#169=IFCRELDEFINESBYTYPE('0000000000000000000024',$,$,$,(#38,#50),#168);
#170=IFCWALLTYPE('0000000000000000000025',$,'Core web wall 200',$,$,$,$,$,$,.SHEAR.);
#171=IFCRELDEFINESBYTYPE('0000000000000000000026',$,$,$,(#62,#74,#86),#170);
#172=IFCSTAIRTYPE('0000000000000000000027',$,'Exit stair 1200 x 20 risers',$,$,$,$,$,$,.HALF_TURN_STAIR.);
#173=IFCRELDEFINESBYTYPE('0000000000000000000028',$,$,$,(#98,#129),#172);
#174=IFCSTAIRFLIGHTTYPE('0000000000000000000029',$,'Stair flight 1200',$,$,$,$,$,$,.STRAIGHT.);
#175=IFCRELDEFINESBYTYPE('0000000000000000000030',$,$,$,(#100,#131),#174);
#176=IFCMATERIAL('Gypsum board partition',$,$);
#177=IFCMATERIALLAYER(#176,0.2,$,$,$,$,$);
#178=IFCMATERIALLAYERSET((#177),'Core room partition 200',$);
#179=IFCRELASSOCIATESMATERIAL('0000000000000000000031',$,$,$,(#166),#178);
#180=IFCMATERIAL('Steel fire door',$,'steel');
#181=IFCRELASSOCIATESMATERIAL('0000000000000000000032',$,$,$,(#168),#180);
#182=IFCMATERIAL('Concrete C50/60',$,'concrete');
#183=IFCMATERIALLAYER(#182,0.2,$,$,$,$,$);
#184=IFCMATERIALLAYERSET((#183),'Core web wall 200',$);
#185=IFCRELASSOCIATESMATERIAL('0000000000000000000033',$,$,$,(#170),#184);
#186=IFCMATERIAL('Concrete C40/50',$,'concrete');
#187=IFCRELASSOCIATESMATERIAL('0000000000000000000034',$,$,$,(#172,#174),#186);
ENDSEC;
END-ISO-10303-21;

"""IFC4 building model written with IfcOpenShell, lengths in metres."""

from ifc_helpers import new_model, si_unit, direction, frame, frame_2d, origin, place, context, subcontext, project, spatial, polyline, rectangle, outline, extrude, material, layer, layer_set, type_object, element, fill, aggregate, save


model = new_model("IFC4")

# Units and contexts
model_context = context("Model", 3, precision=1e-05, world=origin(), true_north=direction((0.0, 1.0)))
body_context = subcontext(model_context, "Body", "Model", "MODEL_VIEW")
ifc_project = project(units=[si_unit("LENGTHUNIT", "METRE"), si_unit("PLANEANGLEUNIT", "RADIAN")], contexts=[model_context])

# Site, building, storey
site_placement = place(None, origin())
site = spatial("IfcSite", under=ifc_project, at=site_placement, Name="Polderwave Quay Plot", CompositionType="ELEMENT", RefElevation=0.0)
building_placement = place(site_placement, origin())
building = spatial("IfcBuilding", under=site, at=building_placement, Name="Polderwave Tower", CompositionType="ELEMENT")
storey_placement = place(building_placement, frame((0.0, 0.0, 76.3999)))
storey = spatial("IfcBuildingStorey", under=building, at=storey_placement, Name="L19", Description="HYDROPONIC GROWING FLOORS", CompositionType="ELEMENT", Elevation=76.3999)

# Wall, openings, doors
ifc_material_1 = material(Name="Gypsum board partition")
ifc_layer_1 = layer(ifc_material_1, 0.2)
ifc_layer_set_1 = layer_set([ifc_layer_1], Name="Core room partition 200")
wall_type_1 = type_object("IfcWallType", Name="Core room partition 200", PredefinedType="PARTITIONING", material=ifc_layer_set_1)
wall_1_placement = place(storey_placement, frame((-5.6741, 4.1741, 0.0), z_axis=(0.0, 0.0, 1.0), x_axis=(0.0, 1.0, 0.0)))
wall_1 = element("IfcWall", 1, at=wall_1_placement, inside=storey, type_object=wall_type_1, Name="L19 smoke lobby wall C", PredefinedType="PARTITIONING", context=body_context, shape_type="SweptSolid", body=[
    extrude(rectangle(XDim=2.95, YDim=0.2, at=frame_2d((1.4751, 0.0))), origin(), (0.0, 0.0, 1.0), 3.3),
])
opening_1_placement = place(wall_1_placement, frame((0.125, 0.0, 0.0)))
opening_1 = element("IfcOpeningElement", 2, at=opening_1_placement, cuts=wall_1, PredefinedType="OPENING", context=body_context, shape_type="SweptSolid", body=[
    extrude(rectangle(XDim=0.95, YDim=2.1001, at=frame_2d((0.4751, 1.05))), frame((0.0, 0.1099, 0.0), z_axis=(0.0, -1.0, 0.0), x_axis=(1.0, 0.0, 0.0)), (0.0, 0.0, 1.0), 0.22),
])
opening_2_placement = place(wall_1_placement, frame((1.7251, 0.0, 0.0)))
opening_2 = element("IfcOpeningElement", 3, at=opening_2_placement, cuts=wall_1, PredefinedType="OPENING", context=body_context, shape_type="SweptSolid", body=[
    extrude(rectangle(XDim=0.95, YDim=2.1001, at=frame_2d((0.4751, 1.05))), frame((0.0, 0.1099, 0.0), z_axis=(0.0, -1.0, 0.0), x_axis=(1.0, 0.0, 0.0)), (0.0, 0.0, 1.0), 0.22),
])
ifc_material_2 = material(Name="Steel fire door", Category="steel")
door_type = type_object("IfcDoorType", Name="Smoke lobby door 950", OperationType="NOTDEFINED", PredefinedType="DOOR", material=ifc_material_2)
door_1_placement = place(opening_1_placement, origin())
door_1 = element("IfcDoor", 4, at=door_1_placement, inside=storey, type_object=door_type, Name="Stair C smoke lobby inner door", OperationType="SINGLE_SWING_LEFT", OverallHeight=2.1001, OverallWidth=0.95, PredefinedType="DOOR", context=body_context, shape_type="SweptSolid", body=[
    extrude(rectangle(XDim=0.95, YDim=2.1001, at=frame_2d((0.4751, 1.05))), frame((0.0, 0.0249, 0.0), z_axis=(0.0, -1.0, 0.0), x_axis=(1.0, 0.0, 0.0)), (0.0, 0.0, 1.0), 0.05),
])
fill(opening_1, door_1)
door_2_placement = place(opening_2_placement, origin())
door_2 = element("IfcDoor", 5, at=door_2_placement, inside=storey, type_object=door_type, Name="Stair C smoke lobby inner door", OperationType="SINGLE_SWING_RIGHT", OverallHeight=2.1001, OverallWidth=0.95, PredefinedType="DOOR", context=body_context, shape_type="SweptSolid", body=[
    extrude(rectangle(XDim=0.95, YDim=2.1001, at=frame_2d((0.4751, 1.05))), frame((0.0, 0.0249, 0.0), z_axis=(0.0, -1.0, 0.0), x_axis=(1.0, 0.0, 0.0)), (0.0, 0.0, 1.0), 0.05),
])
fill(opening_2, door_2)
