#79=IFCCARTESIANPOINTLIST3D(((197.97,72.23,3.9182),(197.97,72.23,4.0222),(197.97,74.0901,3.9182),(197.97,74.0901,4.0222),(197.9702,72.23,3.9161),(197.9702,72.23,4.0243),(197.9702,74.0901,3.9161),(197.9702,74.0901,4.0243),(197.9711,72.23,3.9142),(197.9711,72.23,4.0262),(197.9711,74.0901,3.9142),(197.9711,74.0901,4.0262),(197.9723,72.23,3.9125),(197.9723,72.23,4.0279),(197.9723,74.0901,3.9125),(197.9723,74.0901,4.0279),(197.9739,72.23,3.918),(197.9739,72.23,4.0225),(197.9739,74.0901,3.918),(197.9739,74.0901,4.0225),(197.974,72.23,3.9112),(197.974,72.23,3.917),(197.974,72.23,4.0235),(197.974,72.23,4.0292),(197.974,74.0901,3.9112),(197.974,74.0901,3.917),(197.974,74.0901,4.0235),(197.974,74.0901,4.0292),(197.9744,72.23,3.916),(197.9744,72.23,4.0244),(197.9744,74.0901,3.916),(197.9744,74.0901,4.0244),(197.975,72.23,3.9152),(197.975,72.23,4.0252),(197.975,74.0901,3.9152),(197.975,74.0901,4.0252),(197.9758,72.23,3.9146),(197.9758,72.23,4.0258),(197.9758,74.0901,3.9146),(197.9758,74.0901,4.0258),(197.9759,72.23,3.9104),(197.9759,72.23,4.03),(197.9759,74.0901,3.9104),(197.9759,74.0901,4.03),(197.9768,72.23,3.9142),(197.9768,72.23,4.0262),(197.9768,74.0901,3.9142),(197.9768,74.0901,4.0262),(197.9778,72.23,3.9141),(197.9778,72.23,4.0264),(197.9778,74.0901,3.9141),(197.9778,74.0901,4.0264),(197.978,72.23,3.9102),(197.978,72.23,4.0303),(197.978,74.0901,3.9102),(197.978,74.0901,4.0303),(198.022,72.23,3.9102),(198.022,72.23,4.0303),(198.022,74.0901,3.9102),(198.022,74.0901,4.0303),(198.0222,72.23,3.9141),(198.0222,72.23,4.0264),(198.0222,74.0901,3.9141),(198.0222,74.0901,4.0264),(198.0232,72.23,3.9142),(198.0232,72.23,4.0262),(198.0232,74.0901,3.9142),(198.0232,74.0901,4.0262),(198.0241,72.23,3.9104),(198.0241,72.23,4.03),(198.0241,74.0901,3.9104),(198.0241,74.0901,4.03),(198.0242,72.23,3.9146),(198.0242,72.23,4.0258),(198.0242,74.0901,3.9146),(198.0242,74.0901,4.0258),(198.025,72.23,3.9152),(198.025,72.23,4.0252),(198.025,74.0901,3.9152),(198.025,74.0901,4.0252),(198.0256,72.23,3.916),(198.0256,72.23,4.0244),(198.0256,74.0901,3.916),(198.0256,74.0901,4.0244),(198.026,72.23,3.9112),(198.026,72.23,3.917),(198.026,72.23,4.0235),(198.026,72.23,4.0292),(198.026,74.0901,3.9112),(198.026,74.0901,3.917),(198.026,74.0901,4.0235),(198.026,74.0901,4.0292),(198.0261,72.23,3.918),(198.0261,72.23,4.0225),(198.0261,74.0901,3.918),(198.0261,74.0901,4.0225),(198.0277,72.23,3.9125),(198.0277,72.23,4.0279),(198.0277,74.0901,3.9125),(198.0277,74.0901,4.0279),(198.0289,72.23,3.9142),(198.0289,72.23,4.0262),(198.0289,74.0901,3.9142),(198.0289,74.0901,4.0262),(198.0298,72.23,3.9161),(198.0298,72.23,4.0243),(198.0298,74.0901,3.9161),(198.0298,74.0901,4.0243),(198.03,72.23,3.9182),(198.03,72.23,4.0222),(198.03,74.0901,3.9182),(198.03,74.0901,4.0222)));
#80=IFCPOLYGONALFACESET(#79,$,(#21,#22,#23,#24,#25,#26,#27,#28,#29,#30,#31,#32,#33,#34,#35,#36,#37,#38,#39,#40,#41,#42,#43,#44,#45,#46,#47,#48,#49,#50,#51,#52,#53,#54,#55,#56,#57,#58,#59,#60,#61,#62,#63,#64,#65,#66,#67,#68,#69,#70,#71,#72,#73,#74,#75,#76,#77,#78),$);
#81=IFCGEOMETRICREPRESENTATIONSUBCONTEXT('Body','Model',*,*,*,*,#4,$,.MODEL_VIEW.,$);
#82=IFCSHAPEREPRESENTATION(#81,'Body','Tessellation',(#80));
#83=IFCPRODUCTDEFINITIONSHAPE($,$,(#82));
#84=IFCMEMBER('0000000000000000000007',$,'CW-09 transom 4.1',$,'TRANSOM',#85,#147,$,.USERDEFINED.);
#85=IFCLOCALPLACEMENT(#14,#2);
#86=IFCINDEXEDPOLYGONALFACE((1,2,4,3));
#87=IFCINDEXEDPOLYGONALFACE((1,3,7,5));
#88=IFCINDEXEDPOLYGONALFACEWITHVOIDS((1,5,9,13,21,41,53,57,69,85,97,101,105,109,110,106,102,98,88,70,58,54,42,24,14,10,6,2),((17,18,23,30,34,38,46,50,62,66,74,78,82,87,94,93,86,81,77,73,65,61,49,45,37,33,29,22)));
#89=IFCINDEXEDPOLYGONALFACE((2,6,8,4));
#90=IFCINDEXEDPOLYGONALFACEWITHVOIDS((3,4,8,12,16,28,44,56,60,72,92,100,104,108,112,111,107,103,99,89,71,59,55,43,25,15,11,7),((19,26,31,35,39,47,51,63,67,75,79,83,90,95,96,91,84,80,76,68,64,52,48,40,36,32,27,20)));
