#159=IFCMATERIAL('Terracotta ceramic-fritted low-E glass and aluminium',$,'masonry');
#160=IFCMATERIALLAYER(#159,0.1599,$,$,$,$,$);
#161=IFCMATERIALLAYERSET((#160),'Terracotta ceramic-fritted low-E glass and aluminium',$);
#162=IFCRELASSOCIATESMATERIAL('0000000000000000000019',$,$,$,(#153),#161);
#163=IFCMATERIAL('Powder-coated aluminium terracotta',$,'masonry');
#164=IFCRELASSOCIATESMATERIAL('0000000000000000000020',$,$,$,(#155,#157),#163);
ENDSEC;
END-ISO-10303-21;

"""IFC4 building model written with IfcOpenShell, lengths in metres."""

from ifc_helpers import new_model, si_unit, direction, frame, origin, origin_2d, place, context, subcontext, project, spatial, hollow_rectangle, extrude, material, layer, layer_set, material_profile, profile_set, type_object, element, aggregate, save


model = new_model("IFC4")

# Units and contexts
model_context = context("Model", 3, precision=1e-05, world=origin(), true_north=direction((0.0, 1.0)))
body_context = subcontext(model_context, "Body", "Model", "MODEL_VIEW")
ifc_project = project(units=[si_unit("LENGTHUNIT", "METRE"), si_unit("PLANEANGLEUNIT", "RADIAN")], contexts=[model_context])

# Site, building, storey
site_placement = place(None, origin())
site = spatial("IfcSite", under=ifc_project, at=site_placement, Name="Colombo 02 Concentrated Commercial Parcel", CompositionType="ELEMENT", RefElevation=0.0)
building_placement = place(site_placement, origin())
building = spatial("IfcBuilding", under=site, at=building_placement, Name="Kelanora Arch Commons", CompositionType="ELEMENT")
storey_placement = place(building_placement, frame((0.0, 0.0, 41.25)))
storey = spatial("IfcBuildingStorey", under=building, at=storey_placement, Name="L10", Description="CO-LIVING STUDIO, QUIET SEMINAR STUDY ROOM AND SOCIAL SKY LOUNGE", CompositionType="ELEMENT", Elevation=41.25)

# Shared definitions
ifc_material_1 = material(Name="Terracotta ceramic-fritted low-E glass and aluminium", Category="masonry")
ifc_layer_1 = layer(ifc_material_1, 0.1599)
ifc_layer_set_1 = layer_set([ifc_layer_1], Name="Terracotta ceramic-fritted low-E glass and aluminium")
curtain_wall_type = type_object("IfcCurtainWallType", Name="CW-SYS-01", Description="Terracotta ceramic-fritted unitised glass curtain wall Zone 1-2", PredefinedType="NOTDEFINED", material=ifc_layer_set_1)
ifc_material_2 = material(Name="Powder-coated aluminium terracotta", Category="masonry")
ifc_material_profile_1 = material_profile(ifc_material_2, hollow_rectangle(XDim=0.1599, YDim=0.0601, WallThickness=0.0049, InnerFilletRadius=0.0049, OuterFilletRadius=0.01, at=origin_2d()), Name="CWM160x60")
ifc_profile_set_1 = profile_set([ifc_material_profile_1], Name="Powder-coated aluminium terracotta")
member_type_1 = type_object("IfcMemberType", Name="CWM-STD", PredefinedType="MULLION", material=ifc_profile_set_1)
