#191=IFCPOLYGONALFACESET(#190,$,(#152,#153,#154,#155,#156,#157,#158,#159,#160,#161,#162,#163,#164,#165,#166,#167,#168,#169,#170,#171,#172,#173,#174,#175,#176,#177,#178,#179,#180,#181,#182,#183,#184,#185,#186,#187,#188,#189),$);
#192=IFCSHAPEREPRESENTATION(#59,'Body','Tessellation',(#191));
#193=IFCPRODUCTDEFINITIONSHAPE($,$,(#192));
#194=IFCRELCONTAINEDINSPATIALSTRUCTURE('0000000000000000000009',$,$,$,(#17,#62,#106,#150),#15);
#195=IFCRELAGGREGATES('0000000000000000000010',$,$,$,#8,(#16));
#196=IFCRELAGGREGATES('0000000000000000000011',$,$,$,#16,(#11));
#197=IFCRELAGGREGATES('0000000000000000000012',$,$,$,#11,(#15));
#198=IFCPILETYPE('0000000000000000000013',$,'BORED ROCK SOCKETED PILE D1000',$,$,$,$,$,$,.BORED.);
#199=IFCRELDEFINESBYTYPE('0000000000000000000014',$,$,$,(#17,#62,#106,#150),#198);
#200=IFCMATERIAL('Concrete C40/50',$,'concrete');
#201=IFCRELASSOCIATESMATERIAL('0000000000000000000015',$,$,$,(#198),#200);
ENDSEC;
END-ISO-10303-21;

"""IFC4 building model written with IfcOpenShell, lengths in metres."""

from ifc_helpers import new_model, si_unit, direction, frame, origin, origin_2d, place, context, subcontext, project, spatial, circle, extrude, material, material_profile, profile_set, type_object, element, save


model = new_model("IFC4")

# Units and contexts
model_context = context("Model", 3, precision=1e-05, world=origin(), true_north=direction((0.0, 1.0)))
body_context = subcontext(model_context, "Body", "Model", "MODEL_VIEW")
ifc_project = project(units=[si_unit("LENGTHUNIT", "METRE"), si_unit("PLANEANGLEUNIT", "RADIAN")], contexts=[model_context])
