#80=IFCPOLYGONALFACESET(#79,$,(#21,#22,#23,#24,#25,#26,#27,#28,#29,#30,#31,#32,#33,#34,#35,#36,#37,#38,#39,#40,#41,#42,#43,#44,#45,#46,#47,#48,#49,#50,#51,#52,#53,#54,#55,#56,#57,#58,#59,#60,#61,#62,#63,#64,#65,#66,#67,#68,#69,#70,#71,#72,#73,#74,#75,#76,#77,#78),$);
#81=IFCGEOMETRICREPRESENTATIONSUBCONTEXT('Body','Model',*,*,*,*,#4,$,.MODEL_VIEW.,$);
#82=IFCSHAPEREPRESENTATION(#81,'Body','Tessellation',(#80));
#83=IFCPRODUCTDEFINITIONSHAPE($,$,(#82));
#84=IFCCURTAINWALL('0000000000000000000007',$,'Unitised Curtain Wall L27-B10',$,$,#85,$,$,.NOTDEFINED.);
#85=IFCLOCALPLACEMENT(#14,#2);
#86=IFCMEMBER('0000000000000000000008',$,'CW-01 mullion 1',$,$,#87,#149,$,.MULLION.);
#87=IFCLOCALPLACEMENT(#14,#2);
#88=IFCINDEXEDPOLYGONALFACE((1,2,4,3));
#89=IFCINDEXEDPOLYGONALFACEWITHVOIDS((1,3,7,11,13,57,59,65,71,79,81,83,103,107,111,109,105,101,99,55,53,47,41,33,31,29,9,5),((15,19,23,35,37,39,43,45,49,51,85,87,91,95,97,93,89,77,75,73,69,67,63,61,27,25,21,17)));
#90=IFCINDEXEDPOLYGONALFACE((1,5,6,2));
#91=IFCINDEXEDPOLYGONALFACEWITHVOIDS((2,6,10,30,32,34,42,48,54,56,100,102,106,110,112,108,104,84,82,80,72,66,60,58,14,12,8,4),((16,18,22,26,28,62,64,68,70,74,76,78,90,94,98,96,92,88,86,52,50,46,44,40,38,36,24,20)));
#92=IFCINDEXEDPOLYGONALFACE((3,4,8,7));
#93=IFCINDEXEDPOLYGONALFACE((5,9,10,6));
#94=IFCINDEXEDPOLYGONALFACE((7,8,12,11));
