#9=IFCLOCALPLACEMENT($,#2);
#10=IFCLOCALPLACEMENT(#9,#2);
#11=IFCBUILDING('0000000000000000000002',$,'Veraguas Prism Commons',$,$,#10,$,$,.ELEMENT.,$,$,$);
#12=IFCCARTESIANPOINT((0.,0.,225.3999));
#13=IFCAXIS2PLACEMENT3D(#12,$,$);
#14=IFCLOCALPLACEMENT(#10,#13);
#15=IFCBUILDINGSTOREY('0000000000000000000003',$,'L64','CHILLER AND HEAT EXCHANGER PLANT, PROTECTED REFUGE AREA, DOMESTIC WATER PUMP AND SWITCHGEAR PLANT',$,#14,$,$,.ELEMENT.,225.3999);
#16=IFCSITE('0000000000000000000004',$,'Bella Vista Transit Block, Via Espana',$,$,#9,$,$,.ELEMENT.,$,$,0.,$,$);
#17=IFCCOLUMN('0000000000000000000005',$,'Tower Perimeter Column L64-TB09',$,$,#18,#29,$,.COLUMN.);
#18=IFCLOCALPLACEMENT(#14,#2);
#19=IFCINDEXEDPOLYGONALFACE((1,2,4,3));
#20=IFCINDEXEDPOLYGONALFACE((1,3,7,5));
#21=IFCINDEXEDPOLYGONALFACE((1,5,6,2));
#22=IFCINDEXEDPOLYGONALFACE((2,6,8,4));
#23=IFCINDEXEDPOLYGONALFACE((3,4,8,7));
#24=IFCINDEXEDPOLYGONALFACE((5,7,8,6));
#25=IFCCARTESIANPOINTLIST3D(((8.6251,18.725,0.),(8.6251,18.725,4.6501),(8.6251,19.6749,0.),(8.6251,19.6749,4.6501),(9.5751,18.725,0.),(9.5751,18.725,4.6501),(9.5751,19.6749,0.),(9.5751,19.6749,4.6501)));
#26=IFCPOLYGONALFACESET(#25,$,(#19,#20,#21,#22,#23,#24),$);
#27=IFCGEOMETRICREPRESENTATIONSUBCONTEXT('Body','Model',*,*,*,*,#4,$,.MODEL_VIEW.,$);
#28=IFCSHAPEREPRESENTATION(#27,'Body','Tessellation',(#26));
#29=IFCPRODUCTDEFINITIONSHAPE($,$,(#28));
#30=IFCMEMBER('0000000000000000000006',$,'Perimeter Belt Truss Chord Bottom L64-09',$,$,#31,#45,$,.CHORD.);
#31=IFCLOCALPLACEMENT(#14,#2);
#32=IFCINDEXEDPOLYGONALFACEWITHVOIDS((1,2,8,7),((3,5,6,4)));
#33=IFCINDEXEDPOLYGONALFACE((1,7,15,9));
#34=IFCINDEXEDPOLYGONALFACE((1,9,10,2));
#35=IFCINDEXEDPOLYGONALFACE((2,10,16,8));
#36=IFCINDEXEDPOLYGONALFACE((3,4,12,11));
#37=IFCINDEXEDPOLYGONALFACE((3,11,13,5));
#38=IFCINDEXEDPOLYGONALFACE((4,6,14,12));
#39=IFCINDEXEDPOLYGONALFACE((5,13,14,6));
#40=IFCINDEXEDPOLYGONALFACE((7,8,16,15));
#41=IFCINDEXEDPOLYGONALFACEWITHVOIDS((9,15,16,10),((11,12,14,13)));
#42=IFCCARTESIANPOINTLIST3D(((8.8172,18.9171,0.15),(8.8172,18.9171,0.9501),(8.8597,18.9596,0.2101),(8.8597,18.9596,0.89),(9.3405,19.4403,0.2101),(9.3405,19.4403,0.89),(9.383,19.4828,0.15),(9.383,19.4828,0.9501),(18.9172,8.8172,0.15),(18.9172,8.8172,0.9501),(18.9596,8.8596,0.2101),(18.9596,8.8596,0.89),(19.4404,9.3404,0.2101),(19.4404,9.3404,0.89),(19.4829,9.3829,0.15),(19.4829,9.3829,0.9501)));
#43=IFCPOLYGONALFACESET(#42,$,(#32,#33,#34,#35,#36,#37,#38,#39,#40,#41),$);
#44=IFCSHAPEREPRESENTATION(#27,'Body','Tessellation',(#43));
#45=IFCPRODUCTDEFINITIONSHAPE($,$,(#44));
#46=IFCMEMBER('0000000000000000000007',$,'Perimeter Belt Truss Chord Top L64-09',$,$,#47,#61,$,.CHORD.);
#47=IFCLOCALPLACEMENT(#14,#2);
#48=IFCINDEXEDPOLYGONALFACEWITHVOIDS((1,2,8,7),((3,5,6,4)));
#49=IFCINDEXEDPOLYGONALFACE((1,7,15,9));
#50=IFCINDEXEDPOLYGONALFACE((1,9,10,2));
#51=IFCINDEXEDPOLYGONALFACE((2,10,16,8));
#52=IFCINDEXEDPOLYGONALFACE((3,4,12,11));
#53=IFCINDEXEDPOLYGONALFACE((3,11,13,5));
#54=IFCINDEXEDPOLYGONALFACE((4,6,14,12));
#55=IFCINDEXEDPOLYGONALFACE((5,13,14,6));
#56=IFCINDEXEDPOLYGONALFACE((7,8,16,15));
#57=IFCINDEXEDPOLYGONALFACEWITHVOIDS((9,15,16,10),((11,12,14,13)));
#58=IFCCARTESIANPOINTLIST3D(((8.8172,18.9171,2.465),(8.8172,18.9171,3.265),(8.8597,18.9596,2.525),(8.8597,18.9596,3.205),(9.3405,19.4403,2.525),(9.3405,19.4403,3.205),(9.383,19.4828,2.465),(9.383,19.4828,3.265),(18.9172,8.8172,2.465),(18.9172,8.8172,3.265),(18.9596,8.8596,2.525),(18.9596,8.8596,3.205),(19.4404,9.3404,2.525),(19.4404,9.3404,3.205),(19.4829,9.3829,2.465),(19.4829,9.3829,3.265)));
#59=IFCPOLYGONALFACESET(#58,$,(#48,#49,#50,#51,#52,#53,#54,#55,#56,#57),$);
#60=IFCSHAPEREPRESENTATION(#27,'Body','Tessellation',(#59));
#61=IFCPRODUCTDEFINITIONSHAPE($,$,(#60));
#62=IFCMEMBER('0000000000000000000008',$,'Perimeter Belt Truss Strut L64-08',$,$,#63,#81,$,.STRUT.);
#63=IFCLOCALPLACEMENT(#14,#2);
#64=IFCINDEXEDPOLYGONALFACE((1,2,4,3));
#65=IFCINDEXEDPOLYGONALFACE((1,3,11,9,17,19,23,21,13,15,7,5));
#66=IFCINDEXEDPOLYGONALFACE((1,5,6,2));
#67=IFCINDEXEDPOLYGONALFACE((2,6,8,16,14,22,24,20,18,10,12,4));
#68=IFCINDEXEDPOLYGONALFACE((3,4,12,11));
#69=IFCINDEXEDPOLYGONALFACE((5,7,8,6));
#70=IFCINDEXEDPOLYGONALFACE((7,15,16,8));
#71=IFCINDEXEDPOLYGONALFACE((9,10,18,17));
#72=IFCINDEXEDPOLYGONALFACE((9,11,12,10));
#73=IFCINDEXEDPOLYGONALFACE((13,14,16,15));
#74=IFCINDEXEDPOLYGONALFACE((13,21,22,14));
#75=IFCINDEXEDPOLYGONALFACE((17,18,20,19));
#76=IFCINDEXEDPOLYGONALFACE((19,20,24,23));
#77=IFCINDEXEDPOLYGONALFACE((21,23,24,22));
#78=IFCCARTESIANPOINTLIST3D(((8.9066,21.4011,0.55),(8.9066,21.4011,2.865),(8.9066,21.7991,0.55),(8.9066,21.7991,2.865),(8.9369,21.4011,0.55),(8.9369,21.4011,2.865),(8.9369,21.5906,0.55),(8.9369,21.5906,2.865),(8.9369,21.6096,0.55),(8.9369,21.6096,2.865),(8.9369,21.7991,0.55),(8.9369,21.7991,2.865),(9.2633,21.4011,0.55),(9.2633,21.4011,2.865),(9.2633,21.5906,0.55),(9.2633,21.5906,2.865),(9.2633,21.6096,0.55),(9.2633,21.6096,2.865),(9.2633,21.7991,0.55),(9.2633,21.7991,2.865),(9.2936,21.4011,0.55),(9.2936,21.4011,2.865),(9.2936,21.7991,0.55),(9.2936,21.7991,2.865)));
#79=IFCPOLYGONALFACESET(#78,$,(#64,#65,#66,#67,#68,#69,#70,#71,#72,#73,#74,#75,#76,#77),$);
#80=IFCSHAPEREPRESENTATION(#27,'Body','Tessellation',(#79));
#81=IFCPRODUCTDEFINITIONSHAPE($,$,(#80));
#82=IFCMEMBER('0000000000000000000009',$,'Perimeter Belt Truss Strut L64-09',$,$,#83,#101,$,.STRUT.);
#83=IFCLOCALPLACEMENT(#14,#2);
━━━━━━━━━━━━━━━━
### [Your instructions]
Quote the data above verbatim from its first line to the line that includes "#186=IFCMATERIAL('Concrete C40/50',$,'concrete');", with both boundary lines retained.

### [Answer for the task]
#169=IFCRELDEFINESBYTYPE('0000000000000000000024',$,$,$,(#38,#50),#168);
#170=IFCWALLTYPE('0000000000000000000025',$,'Core web wall 200',$,$,$,$,$,$,.SHEAR.);
#171=IFCRELDEFINESBYTYPE('0000000000000000000026',$,$,$,(#62,#74,#86),#170);
#172=IFCSTAIRTYPE('0000000000000000000027',$,'Exit stair 1200 x 20 risers',$,$,$,$,$,$,.HALF_TURN_STAIR.);
#173=IFCRELDEFINESBYTYPE('0000000000000000000028',$,$,$,(#98,#129),#172);
#174=IFCSTAIRFLIGHTTYPE('0000000000000000000029',$,'Stair flight 1200',$,$,$,$,$,$,.STRAIGHT.);
#175=IFCRELDEFINESBYTYPE('0000000000000000000030',$,$,$,(#100,#131),#174);
#176=IFCMATERIAL('Gypsum board partition',$,$);
#177=IFCMATERIALLAYER(#176,0.2,$,$,$,$,$);
#178=IFCMATERIALLAYERSET((#177),'Core room partition 200',$);
#179=IFCRELASSOCIATESMATERIAL('0000000000000000000031',$,$,$,(#166),#178);
#180=IFCMATERIAL('Steel fire door',$,'steel');
#181=IFCRELASSOCIATESMATERIAL('0000000000000000000032',$,$,$,(#168),#180);
#182=IFCMATERIAL('Concrete C50/60',$,'concrete');
#183=IFCMATERIALLAYER(#182,0.2,$,$,$,$,$);
#184=IFCMATERIALLAYERSET((#183),'Core web wall 200',$);
#185=IFCRELASSOCIATESMATERIAL('0000000000000000000033',$,$,$,(#170),#184);
#186=IFCMATERIAL('Concrete C40/50',$,'concrete');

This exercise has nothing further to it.